What the task requires: When the word "Tessellation" shows up in a line of the data below, copy that whole line.

Records provided:
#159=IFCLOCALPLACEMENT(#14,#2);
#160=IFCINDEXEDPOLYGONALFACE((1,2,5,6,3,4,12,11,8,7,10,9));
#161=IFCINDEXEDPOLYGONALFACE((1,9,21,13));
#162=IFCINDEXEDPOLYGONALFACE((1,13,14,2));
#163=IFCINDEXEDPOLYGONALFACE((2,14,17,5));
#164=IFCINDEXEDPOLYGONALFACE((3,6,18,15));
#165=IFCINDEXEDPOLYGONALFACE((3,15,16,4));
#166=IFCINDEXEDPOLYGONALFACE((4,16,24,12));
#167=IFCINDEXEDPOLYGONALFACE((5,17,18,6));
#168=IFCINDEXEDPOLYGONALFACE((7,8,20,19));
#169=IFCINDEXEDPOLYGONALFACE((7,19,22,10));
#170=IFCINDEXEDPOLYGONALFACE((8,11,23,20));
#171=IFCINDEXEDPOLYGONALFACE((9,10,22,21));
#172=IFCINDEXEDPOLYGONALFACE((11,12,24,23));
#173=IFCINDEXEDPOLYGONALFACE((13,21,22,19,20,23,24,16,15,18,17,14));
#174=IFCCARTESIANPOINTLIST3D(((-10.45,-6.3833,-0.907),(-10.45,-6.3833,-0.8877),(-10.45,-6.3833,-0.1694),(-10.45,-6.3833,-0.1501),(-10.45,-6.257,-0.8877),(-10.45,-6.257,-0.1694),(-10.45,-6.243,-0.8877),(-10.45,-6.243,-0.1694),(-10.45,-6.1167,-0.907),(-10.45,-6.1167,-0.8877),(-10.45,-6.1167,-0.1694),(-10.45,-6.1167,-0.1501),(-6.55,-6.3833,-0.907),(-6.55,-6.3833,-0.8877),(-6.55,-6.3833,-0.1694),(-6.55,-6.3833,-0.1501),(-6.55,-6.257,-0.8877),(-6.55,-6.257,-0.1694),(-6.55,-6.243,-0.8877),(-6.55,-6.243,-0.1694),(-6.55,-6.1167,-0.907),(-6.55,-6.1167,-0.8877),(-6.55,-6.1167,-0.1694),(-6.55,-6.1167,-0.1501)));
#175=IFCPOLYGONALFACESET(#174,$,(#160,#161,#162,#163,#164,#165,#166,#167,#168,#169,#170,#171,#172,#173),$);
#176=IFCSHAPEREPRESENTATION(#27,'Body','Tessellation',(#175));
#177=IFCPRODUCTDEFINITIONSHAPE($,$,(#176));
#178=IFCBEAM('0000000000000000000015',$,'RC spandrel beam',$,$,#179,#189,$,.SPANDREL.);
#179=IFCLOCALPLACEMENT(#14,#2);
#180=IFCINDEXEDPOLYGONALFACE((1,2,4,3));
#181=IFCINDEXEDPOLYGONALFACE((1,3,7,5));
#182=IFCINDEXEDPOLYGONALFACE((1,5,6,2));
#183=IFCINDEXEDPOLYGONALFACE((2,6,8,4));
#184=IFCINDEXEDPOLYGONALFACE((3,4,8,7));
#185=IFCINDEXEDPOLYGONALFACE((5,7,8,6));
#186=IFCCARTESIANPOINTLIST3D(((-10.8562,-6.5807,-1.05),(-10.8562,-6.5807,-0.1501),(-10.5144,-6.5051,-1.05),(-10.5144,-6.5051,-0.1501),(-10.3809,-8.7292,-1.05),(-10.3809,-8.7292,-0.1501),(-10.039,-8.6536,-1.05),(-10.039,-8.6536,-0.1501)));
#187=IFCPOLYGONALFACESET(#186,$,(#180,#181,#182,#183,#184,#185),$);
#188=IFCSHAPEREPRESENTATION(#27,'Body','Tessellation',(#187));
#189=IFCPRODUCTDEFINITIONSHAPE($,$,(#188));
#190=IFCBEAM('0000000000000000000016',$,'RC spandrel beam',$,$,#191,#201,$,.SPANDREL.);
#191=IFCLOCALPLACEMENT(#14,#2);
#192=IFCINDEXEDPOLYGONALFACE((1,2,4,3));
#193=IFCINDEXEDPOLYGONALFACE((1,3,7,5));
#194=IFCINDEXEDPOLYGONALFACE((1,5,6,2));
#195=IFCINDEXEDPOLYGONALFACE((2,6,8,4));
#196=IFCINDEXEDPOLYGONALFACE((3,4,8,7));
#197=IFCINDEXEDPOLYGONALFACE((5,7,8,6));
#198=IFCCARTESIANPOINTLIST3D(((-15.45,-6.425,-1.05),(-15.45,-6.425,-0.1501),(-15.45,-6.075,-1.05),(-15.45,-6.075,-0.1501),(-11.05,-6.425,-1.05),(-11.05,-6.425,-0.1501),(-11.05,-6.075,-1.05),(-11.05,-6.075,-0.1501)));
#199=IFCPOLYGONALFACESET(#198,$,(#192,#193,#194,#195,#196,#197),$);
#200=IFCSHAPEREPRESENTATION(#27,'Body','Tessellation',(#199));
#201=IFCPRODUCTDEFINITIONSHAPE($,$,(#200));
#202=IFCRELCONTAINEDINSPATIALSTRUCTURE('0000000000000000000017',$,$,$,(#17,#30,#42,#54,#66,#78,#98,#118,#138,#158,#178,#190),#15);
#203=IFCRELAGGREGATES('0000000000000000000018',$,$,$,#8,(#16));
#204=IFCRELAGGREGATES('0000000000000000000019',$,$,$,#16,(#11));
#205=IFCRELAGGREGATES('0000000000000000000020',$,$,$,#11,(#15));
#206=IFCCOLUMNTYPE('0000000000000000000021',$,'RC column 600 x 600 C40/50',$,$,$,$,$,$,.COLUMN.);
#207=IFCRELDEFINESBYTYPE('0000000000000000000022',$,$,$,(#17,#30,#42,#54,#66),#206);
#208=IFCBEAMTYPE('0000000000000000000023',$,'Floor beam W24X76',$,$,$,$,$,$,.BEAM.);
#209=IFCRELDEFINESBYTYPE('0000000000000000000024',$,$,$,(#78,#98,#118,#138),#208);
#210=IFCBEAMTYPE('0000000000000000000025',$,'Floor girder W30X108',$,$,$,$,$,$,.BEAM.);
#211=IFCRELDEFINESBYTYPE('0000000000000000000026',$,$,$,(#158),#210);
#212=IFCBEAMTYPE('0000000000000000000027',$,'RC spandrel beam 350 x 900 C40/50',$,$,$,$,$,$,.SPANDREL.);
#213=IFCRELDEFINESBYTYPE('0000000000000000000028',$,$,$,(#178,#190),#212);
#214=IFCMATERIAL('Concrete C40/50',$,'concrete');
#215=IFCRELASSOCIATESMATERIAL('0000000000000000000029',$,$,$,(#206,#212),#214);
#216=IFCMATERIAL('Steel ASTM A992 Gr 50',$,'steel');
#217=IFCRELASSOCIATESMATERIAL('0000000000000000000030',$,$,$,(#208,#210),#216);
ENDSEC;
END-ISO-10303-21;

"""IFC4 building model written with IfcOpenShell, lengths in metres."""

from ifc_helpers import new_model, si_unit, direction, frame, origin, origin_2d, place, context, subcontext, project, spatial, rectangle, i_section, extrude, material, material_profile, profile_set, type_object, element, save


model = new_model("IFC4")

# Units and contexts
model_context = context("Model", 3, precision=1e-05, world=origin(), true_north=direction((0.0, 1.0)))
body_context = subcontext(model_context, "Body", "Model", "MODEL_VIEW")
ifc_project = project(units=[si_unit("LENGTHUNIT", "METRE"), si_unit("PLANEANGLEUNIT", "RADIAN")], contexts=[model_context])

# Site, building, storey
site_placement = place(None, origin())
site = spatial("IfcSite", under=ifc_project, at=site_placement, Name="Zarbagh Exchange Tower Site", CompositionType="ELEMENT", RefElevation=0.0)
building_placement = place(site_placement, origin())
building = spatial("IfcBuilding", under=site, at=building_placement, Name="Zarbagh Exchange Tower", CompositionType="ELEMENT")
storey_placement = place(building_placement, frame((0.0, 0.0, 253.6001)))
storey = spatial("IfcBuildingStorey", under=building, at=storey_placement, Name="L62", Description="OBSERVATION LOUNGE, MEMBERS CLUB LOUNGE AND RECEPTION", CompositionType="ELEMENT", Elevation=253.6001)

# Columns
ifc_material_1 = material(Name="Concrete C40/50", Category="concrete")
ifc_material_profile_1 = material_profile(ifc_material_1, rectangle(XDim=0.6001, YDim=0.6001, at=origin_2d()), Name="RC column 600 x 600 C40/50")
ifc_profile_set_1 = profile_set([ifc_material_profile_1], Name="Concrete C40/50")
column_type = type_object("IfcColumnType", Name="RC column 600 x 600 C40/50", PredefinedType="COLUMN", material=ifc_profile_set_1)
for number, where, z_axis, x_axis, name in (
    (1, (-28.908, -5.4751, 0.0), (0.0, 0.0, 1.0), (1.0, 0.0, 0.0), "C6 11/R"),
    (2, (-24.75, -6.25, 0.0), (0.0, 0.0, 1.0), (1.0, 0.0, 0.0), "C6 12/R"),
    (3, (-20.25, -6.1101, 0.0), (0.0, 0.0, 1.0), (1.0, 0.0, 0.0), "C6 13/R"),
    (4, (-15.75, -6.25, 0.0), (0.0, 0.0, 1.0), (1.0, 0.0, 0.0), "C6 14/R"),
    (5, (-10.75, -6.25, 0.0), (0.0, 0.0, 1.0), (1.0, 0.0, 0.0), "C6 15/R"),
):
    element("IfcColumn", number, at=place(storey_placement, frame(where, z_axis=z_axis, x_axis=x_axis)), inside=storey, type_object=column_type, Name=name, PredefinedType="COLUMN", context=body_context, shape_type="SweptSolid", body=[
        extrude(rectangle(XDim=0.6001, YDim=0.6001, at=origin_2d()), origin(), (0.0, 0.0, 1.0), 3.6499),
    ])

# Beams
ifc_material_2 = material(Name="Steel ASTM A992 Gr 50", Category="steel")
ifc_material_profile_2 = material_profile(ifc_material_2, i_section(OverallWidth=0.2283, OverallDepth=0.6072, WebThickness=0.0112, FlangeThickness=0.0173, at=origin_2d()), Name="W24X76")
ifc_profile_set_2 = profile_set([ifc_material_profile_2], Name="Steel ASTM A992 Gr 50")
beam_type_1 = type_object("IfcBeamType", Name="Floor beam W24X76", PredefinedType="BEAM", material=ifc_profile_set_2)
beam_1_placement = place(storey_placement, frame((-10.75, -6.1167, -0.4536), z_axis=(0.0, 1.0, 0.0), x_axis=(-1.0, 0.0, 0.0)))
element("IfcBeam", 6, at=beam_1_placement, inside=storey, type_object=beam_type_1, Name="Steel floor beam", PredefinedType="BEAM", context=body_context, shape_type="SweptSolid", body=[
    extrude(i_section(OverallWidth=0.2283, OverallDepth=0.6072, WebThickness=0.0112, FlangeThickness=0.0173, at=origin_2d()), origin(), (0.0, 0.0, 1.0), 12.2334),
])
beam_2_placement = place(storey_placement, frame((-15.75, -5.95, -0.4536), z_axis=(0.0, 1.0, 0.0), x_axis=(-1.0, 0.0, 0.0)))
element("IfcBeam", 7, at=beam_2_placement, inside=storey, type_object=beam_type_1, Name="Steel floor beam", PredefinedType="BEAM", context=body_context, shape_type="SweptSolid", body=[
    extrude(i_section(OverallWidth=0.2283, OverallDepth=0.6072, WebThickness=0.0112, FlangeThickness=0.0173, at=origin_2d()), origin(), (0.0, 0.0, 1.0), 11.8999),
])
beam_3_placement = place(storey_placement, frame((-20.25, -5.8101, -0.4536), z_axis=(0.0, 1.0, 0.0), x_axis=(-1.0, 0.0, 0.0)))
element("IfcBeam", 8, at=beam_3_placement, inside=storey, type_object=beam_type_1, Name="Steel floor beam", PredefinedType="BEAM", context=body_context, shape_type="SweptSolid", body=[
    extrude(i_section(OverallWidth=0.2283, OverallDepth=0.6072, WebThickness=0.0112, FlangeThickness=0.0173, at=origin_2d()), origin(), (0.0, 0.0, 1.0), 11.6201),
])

Task answer:
#176=IFCSHAPEREPRESENTATION(#27,'Body','Tessellation',(#175));
#188=IFCSHAPEREPRESENTATION(#27,'Body','Tessellation',(#187));
#200=IFCSHAPEREPRESENTATION(#27,'Body','Tessellation',(#199));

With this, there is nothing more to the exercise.